Start of Block

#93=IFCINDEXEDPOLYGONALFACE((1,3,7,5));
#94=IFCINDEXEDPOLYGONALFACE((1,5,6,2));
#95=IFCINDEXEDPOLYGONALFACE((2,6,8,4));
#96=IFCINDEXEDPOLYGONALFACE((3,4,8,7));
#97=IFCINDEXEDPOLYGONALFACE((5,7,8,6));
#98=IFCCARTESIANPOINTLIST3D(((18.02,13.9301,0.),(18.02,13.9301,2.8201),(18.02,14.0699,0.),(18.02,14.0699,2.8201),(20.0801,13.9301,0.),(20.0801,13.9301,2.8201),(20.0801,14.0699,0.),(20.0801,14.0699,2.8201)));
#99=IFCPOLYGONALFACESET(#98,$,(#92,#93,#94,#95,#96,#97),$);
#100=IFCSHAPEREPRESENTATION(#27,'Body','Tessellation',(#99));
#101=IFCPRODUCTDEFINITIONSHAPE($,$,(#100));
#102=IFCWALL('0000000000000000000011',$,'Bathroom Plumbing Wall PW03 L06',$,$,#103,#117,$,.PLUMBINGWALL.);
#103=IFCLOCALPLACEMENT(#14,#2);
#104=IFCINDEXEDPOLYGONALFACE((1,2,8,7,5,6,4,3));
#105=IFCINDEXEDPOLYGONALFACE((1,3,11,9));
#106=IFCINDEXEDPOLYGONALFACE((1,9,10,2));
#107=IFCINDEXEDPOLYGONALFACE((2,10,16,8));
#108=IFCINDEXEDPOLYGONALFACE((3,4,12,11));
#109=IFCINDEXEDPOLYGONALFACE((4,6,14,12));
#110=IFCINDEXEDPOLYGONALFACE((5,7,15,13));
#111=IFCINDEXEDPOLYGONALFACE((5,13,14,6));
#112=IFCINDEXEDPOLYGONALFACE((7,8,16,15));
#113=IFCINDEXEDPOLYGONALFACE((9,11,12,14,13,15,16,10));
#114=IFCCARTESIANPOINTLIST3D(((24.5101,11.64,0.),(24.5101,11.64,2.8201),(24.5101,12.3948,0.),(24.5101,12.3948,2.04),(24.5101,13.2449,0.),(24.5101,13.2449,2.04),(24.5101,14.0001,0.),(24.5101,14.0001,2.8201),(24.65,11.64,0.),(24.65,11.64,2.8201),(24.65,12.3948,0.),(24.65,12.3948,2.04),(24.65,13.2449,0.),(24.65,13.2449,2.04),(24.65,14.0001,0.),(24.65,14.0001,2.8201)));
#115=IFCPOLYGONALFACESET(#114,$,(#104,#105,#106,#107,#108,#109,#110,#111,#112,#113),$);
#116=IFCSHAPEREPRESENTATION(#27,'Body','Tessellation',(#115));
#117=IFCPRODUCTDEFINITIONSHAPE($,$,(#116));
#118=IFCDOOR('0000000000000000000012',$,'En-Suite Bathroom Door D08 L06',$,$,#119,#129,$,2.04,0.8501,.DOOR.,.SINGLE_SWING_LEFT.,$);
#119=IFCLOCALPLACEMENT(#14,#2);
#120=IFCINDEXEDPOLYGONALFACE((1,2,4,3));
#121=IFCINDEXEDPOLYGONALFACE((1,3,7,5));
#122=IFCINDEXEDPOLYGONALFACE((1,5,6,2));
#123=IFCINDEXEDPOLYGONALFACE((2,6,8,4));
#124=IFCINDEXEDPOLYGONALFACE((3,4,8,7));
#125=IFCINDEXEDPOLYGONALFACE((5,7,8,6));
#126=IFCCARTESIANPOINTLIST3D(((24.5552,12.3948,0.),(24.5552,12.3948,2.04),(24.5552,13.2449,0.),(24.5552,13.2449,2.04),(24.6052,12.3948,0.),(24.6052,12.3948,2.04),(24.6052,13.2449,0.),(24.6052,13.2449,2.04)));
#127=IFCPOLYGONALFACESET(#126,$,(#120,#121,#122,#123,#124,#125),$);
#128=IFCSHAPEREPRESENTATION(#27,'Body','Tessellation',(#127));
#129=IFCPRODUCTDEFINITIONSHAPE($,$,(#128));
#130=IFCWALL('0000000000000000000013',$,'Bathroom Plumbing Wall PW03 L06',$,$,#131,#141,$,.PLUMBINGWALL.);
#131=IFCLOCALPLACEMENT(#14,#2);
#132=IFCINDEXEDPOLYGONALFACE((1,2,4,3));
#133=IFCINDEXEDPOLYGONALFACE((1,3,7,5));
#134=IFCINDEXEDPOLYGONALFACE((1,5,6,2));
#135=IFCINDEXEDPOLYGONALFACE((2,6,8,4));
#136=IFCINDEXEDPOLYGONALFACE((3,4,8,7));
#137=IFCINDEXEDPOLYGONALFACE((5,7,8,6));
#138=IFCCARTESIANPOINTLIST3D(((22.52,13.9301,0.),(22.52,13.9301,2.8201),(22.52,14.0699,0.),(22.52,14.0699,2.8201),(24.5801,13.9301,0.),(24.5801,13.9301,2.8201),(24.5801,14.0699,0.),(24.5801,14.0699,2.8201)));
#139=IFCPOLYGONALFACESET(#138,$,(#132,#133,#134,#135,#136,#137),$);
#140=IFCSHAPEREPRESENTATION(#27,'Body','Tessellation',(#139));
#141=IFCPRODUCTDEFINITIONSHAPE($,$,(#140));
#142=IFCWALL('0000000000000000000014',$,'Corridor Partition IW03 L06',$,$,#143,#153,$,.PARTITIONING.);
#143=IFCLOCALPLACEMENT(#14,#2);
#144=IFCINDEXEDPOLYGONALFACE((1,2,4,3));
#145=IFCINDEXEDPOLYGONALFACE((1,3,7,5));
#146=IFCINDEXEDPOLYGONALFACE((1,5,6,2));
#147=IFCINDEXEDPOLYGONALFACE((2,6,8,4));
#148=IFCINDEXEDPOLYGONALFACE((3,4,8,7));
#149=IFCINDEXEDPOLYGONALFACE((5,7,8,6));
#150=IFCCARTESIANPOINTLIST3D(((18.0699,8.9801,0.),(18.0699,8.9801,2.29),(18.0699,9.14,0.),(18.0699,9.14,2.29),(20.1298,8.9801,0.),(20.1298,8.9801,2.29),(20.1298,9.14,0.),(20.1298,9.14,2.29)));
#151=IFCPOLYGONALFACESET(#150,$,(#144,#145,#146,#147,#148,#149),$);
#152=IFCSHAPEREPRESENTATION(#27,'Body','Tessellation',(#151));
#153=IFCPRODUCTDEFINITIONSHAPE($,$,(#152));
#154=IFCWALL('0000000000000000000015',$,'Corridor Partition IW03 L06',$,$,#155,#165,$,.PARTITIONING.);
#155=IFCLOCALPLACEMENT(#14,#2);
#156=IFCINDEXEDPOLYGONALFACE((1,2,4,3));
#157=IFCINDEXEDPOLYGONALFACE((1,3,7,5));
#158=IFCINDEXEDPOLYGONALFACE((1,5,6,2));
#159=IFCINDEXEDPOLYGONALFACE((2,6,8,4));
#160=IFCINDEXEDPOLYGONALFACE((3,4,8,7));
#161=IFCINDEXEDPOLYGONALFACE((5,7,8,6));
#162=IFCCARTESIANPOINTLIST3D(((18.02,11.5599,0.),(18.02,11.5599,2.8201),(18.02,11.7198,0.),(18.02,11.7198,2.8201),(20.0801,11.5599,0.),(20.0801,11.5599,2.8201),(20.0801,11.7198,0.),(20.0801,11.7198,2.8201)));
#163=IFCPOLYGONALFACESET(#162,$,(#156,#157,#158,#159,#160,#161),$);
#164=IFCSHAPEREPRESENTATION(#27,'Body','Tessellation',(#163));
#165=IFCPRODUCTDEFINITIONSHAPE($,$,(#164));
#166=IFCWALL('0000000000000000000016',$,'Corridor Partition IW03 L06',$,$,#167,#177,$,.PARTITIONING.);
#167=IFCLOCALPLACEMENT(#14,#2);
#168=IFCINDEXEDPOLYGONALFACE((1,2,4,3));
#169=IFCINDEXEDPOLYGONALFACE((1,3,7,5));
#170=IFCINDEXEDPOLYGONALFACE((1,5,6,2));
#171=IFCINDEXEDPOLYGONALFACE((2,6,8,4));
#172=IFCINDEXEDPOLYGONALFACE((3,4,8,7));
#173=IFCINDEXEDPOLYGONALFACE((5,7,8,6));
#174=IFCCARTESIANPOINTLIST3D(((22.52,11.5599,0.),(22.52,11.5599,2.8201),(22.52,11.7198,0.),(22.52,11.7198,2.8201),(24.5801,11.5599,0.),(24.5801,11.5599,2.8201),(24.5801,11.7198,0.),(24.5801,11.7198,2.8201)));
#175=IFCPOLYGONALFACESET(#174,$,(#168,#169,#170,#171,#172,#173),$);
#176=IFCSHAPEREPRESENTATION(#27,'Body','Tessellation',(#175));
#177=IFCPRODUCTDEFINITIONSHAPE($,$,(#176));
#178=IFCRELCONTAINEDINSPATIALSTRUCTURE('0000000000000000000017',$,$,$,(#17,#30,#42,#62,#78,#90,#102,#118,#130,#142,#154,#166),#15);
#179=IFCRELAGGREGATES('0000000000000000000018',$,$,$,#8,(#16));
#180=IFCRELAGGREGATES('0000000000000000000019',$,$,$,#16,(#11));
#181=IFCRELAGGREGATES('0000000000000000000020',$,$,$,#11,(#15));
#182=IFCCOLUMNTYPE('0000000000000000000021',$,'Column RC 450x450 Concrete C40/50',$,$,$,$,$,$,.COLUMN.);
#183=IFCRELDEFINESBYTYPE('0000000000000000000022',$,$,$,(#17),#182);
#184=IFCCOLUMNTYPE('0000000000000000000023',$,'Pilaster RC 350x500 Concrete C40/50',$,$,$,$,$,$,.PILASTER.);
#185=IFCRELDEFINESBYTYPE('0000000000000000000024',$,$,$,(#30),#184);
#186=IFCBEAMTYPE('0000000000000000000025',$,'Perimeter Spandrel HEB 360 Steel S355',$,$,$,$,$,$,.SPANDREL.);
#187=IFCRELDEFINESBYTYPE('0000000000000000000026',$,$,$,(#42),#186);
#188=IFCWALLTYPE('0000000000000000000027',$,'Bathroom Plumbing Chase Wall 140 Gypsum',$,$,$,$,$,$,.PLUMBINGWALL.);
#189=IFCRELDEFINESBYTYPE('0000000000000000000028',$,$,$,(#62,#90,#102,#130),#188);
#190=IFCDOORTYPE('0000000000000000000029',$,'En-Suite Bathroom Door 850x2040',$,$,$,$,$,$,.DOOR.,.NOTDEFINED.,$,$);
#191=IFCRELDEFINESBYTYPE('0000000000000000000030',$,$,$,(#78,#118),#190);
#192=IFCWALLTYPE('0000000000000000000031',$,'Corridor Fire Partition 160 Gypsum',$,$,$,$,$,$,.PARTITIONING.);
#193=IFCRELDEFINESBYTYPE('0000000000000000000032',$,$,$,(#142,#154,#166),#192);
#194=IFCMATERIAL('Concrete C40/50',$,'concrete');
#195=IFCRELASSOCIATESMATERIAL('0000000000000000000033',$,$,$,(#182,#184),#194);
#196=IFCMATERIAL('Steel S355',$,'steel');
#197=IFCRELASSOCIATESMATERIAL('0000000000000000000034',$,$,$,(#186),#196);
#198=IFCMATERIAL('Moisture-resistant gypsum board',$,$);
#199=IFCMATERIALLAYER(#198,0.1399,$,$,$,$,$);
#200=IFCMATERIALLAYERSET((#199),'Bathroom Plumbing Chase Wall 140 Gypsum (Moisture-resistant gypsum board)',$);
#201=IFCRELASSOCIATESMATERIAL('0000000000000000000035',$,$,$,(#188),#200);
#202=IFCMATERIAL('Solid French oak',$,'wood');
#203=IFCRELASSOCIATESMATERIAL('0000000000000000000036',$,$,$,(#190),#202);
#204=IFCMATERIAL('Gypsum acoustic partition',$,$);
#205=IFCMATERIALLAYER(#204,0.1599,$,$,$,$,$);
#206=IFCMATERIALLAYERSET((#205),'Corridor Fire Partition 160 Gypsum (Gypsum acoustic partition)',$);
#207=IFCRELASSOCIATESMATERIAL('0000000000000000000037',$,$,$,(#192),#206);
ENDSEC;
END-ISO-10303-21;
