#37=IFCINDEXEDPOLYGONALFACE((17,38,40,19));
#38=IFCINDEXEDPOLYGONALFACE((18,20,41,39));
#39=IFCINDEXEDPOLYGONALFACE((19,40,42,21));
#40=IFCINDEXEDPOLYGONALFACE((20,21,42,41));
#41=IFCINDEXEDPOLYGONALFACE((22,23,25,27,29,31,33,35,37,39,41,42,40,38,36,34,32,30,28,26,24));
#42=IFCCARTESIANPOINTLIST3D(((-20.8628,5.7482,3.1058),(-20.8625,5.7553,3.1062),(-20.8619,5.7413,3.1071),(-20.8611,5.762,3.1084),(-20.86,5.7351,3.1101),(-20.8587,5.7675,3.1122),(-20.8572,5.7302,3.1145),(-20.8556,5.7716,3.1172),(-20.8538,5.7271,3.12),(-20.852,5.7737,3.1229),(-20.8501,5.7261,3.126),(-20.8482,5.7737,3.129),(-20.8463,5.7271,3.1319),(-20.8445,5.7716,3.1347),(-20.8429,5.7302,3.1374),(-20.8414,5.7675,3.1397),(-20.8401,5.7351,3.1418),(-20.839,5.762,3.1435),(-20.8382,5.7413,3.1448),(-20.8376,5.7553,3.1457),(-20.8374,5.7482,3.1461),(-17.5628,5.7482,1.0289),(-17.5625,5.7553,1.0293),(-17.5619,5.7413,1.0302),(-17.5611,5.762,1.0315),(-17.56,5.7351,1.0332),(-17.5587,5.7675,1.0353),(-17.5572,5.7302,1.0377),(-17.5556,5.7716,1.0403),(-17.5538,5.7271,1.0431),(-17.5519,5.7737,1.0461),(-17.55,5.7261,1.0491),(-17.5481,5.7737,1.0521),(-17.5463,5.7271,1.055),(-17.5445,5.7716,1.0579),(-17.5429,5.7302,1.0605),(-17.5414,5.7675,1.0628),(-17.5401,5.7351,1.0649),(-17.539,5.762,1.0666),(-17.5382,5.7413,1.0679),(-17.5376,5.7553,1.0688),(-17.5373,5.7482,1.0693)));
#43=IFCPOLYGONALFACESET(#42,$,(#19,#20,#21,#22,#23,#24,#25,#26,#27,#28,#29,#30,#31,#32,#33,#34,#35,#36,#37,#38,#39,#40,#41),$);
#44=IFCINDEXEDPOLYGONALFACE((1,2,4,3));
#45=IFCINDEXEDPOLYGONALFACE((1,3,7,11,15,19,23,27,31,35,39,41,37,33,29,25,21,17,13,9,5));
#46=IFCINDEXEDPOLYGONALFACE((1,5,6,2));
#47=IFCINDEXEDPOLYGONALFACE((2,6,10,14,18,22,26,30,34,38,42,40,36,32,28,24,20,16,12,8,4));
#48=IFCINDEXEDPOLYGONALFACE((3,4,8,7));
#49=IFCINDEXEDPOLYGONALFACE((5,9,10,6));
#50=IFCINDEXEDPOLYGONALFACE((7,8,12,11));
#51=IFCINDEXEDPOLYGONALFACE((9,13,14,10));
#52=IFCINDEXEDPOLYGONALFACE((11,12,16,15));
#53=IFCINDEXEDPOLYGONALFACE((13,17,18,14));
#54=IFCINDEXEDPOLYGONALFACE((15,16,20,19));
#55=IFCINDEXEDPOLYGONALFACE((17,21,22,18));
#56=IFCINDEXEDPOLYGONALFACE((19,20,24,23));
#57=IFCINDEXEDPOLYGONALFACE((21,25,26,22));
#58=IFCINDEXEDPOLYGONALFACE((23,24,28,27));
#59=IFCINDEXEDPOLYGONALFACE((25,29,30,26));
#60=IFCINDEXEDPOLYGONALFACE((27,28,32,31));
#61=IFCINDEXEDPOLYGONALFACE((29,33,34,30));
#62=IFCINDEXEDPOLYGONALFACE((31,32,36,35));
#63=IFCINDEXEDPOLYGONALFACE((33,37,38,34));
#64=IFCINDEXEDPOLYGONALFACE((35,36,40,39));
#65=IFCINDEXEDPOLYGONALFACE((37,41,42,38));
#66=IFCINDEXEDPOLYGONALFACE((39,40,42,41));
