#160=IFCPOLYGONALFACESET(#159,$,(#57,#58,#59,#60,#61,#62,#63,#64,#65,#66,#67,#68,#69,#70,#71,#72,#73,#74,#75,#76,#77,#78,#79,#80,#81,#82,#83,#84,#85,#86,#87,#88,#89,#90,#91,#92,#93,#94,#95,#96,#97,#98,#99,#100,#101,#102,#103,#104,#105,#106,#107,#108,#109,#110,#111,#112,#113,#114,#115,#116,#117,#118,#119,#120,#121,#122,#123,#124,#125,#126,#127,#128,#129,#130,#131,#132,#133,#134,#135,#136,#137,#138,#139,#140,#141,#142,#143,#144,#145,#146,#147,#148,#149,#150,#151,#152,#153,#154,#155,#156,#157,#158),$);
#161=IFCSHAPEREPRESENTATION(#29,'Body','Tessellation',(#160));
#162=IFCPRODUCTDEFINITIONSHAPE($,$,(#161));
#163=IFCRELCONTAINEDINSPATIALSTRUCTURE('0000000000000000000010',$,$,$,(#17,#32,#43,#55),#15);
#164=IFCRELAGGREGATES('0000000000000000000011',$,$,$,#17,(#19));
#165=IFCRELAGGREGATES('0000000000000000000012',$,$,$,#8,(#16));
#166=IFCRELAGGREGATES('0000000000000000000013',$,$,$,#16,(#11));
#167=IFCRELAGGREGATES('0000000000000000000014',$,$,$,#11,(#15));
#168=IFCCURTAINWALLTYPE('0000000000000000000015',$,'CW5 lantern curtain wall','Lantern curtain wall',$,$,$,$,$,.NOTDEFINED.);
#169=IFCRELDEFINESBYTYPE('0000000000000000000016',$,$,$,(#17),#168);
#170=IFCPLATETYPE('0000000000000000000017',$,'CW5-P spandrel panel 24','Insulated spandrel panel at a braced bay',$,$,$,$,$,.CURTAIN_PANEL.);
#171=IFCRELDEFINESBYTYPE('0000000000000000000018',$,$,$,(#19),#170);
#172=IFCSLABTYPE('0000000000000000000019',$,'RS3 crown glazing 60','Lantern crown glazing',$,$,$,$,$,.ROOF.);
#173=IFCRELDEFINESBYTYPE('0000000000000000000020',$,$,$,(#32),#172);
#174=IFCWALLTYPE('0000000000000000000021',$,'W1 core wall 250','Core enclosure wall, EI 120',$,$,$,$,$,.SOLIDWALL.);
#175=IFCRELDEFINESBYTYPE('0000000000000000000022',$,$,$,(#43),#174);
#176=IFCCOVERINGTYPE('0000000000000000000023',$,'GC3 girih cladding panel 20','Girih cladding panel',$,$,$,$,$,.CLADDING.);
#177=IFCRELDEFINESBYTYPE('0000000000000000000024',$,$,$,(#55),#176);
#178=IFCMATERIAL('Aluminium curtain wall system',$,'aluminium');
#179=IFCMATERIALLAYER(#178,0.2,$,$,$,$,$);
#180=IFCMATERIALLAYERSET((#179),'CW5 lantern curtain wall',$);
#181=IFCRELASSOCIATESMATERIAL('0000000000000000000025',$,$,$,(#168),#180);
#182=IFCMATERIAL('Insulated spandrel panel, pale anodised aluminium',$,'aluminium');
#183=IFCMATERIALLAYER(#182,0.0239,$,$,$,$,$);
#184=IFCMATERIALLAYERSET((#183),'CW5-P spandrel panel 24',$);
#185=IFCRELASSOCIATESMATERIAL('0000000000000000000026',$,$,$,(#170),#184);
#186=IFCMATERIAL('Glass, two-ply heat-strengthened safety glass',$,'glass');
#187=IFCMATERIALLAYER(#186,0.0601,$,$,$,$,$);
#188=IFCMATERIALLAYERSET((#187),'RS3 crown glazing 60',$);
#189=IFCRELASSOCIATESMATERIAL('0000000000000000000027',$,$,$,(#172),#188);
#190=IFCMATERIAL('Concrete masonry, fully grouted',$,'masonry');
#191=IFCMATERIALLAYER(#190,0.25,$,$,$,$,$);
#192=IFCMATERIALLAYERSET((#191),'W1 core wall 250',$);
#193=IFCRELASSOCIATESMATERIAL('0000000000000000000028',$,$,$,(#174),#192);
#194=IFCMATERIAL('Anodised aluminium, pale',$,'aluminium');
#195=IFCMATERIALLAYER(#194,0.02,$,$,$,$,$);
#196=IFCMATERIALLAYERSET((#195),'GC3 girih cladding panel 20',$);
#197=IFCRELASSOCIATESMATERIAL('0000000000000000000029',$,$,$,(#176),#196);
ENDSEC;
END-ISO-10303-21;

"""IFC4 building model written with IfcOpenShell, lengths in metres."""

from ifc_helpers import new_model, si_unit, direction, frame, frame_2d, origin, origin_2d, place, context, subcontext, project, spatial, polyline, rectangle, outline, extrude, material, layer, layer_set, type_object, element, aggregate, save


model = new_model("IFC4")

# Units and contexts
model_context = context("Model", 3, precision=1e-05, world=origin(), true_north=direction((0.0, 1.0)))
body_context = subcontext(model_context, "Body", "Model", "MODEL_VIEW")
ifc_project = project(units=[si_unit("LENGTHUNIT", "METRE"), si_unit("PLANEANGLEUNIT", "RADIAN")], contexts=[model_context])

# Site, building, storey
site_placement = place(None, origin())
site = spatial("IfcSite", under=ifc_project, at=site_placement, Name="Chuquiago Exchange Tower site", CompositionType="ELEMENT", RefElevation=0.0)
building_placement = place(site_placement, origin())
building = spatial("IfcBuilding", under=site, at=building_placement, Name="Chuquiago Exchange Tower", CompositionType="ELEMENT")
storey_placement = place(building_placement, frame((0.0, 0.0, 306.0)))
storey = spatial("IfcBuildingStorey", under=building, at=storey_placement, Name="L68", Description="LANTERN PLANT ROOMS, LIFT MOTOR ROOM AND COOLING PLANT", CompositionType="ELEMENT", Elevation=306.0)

End of Block

### What is required
From the line holding "#195=IFCMATERIALLAYER(#194,0.02,$,$,$,$,$);" to the end of the listing, copy every line exactly, both ends included, and add nothing.

### Task output
#195=IFCMATERIALLAYER(#194,0.02,$,$,$,$,$);
#196=IFCMATERIALLAYERSET((#195),'GC3 girih cladding panel 20',$);
#197=IFCRELASSOCIATESMATERIAL('0000000000000000000029',$,$,$,(#176),#196);
ENDSEC;
END-ISO-10303-21;

"""IFC4 building model written with IfcOpenShell, lengths in metres."""

from ifc_helpers import new_model, si_unit, direction, frame, frame_2d, origin, origin_2d, place, context, subcontext, project, spatial, polyline, rectangle, outline, extrude, material, layer, layer_set, type_object, element, aggregate, save


model = new_model("IFC4")

# Units and contexts
model_context = context("Model", 3, precision=1e-05, world=origin(), true_north=direction((0.0, 1.0)))
body_context = subcontext(model_context, "Body", "Model", "MODEL_VIEW")
ifc_project = project(units=[si_unit("LENGTHUNIT", "METRE"), si_unit("PLANEANGLEUNIT", "RADIAN")], contexts=[model_context])

# Site, building, storey
site_placement = place(None, origin())
site = spatial("IfcSite", under=ifc_project, at=site_placement, Name="Chuquiago Exchange Tower site", CompositionType="ELEMENT", RefElevation=0.0)
building_placement = place(site_placement, origin())
building = spatial("IfcBuilding", under=site, at=building_placement, Name="Chuquiago Exchange Tower", CompositionType="ELEMENT")
storey_placement = place(building_placement, frame((0.0, 0.0, 306.0)))
storey = spatial("IfcBuildingStorey", under=building, at=storey_placement, Name="L68", Description="LANTERN PLANT ROOMS, LIFT MOTOR ROOM AND COOLING PLANT", CompositionType="ELEMENT", Elevation=306.0)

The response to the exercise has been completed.